### Input material:
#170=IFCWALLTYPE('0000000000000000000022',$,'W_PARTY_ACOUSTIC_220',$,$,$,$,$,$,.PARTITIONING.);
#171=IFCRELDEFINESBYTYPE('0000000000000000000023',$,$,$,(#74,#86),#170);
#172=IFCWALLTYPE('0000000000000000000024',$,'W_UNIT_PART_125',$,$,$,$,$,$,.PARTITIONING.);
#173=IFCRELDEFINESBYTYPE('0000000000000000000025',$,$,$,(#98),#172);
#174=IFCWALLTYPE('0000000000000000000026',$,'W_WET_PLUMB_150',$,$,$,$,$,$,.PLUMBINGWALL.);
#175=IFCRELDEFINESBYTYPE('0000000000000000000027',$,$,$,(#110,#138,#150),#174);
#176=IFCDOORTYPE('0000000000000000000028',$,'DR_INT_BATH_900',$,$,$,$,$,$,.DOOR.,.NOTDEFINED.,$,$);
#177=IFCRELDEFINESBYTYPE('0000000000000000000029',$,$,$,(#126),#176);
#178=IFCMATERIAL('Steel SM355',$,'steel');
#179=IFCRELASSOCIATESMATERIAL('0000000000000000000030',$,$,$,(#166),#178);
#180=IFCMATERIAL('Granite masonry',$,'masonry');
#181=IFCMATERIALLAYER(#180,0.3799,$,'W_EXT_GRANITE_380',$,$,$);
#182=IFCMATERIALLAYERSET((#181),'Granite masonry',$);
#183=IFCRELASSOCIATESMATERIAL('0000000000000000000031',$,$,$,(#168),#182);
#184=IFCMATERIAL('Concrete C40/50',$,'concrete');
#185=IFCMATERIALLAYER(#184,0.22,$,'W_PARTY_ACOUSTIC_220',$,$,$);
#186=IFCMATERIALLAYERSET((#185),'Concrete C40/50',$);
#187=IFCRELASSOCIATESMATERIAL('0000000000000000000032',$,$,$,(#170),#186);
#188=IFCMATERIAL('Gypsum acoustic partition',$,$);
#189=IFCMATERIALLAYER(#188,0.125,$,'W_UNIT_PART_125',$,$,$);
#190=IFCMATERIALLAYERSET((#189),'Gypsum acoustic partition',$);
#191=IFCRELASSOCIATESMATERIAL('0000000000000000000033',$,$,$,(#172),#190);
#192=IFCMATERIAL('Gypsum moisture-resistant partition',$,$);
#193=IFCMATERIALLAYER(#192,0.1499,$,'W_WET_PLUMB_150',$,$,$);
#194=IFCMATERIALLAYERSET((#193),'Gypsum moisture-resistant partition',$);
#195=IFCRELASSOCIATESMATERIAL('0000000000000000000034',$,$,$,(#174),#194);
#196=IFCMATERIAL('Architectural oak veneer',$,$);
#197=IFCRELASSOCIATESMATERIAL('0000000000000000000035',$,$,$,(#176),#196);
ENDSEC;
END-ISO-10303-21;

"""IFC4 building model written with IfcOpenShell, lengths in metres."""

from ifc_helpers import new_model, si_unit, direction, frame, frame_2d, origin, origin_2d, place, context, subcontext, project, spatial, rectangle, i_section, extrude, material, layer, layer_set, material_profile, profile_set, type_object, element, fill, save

--

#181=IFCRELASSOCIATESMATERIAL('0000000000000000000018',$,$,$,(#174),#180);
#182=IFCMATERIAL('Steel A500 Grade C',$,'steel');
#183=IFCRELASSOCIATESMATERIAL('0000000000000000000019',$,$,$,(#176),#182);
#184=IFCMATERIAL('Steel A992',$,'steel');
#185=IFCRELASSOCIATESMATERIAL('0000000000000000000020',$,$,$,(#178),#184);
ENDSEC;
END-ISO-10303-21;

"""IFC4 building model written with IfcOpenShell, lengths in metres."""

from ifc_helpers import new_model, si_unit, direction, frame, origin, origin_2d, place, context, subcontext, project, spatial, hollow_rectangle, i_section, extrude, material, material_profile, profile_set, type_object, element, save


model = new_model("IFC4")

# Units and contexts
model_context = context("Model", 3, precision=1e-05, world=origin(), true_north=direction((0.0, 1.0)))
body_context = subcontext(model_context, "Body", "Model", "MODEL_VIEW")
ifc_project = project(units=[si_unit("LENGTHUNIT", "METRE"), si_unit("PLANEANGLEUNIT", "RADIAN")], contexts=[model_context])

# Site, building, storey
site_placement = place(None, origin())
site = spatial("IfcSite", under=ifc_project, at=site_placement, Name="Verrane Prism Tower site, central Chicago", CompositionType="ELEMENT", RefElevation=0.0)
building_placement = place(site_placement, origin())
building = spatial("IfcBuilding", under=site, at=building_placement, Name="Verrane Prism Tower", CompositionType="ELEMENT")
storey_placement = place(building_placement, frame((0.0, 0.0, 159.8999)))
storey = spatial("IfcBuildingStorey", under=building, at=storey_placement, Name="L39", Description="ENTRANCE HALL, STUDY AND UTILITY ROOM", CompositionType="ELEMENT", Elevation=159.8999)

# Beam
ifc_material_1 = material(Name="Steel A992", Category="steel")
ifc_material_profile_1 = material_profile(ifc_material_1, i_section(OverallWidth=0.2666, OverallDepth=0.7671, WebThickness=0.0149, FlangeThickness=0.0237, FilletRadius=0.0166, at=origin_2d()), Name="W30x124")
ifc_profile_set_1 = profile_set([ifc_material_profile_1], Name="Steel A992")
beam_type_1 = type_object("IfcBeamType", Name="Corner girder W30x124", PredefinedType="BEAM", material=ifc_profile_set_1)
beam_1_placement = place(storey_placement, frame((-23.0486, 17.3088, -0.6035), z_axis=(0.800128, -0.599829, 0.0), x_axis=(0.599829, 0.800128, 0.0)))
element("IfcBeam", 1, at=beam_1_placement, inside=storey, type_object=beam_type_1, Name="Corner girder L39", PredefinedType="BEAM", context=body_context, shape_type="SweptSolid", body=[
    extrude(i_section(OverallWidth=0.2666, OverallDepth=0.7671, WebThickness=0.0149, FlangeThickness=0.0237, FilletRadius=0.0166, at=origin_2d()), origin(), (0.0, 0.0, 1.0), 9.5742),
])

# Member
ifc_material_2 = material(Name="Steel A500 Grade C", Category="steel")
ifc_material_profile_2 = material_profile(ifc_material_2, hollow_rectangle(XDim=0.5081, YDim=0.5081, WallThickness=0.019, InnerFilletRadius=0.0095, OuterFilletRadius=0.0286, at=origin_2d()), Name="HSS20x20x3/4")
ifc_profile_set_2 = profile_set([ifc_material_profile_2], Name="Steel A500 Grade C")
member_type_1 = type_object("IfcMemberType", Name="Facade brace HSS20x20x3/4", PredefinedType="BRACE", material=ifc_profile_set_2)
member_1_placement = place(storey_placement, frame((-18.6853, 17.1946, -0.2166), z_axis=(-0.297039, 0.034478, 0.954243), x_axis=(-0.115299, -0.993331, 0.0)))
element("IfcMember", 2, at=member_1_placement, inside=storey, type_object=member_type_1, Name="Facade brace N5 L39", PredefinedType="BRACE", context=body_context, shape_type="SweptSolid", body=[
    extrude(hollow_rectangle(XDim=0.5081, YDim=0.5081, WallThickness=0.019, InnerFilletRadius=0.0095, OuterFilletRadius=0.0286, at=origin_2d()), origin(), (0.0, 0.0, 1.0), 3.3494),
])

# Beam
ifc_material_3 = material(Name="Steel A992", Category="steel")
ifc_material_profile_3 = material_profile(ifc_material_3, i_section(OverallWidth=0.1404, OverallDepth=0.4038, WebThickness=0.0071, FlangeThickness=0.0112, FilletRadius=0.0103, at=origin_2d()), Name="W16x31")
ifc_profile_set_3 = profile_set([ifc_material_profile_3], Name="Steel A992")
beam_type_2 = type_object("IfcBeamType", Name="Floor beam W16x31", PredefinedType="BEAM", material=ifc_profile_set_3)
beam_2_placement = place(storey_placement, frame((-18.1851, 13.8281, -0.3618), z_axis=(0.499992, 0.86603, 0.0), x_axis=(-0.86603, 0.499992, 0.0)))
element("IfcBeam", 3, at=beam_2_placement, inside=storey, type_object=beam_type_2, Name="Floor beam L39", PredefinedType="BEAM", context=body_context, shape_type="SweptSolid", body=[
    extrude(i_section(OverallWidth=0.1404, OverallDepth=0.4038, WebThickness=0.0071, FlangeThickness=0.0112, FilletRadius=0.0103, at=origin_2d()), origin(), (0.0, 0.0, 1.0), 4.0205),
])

...

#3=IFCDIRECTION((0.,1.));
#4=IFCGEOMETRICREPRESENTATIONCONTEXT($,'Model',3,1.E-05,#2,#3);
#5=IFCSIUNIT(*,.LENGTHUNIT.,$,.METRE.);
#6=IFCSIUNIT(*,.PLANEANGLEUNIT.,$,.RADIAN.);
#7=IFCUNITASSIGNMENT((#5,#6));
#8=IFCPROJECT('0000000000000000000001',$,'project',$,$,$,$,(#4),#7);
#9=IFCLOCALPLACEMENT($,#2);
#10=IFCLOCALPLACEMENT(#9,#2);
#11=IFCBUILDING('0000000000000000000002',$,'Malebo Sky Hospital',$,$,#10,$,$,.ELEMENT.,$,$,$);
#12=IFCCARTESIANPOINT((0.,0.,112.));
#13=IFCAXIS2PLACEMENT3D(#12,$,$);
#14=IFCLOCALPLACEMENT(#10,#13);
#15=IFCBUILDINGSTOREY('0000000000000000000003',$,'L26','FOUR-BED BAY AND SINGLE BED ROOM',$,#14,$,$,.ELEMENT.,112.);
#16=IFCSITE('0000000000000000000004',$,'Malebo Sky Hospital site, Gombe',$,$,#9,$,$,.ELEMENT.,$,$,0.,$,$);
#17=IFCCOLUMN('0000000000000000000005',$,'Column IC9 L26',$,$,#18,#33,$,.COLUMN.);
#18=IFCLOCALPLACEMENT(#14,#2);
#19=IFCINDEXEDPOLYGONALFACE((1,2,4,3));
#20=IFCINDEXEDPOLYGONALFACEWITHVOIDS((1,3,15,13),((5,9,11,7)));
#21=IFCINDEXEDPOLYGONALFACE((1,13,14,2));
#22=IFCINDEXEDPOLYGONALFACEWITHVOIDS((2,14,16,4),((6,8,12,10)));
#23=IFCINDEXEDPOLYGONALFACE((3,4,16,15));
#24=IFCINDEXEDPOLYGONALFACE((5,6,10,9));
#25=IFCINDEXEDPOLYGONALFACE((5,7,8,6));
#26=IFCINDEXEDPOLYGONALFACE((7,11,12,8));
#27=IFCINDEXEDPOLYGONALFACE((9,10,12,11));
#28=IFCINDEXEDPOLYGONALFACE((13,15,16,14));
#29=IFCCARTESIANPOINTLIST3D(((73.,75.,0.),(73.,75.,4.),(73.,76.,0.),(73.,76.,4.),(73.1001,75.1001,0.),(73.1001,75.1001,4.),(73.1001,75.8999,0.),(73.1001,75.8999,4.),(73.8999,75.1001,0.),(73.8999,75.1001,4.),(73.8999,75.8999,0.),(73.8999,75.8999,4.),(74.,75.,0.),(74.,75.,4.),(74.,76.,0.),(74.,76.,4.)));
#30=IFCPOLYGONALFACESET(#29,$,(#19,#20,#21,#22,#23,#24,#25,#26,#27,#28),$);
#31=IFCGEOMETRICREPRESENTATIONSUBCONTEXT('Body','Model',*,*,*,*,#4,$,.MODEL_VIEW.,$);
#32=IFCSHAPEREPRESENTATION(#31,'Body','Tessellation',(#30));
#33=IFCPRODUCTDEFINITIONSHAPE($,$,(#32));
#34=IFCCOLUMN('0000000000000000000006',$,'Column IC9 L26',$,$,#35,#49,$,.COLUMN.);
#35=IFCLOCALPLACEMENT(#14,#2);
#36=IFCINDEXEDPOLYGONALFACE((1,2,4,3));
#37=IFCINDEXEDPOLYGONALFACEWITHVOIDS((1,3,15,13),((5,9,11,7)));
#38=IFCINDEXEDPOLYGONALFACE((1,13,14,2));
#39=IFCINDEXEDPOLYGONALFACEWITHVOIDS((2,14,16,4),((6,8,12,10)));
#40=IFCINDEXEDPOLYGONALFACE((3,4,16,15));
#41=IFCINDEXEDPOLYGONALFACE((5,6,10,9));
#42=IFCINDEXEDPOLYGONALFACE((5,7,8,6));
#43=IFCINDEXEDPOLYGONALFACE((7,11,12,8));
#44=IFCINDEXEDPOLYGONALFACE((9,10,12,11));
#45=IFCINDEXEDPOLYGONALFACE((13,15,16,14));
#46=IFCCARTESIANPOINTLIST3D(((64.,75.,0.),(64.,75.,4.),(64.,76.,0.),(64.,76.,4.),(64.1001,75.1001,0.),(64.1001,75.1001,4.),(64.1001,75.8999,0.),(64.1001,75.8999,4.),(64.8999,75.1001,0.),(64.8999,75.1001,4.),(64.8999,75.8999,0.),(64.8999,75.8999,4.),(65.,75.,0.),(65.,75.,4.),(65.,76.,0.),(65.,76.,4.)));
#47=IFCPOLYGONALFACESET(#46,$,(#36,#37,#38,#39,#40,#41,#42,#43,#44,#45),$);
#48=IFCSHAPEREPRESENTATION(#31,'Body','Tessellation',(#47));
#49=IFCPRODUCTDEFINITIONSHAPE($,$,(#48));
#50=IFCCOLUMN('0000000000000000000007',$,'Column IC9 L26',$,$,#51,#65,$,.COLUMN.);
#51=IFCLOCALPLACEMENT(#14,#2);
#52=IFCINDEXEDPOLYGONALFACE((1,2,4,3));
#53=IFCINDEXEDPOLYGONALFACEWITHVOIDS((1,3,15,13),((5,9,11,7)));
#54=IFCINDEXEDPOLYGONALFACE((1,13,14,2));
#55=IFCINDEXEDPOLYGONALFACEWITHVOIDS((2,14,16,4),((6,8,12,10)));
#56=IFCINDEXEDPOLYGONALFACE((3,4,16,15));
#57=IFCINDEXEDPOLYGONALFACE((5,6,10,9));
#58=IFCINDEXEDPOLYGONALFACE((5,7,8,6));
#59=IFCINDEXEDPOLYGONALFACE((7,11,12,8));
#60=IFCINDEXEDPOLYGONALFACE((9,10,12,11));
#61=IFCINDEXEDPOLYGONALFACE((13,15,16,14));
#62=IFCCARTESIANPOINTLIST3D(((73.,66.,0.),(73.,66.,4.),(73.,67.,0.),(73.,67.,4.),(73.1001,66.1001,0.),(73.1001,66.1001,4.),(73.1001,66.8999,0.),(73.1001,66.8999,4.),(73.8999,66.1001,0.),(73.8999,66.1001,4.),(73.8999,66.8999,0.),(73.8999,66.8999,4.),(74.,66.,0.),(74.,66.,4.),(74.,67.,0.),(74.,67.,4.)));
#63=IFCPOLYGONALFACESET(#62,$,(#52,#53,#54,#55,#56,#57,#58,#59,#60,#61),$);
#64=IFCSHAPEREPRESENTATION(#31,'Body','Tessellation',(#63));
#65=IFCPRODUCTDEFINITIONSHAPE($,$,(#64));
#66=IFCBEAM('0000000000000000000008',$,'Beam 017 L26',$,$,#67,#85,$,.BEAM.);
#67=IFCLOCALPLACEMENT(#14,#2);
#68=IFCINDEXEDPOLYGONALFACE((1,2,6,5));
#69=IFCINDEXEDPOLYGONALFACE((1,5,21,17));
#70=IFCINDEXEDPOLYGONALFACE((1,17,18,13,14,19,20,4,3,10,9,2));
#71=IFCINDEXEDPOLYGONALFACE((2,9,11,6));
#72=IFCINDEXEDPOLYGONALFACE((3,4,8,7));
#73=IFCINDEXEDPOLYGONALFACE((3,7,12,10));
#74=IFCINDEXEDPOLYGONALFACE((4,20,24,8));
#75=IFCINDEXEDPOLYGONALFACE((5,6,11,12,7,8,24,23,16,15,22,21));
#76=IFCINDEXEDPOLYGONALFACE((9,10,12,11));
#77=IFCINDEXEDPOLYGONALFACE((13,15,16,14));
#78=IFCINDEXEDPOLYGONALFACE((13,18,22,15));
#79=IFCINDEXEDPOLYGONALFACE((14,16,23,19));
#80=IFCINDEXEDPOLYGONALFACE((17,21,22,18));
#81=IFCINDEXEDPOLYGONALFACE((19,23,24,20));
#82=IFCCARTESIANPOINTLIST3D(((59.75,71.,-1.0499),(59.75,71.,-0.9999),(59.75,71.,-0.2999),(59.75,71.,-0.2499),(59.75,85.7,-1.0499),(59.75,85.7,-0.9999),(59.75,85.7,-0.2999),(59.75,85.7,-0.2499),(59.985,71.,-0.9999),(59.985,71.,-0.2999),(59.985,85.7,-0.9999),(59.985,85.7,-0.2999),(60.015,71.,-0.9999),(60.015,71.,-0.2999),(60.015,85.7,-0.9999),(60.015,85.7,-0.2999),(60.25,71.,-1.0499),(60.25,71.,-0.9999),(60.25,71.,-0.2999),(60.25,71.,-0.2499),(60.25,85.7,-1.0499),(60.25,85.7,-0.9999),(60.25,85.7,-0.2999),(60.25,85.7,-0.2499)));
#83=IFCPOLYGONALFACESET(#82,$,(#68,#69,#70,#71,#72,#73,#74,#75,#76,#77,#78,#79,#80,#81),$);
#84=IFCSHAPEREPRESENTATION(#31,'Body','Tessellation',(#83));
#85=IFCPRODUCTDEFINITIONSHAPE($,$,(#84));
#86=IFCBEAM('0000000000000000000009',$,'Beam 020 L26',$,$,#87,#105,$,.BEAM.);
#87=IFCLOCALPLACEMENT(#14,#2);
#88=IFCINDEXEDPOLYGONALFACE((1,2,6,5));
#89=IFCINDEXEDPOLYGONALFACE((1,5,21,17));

### Activity:
Scan the records for the string "ROOM". Copy each line in which it appears.

### Solution for this problem:
storey = spatial("IfcBuildingStorey", under=building, at=storey_placement, Name="L39", Description="ENTRANCE HALL, STUDY AND UTILITY ROOM", CompositionType="ELEMENT", Elevation=159.8999)
#15=IFCBUILDINGSTOREY('0000000000000000000003',$,'L26','FOUR-BED BAY AND SINGLE BED ROOM',$,#14,$,$,.ELEMENT.,112.);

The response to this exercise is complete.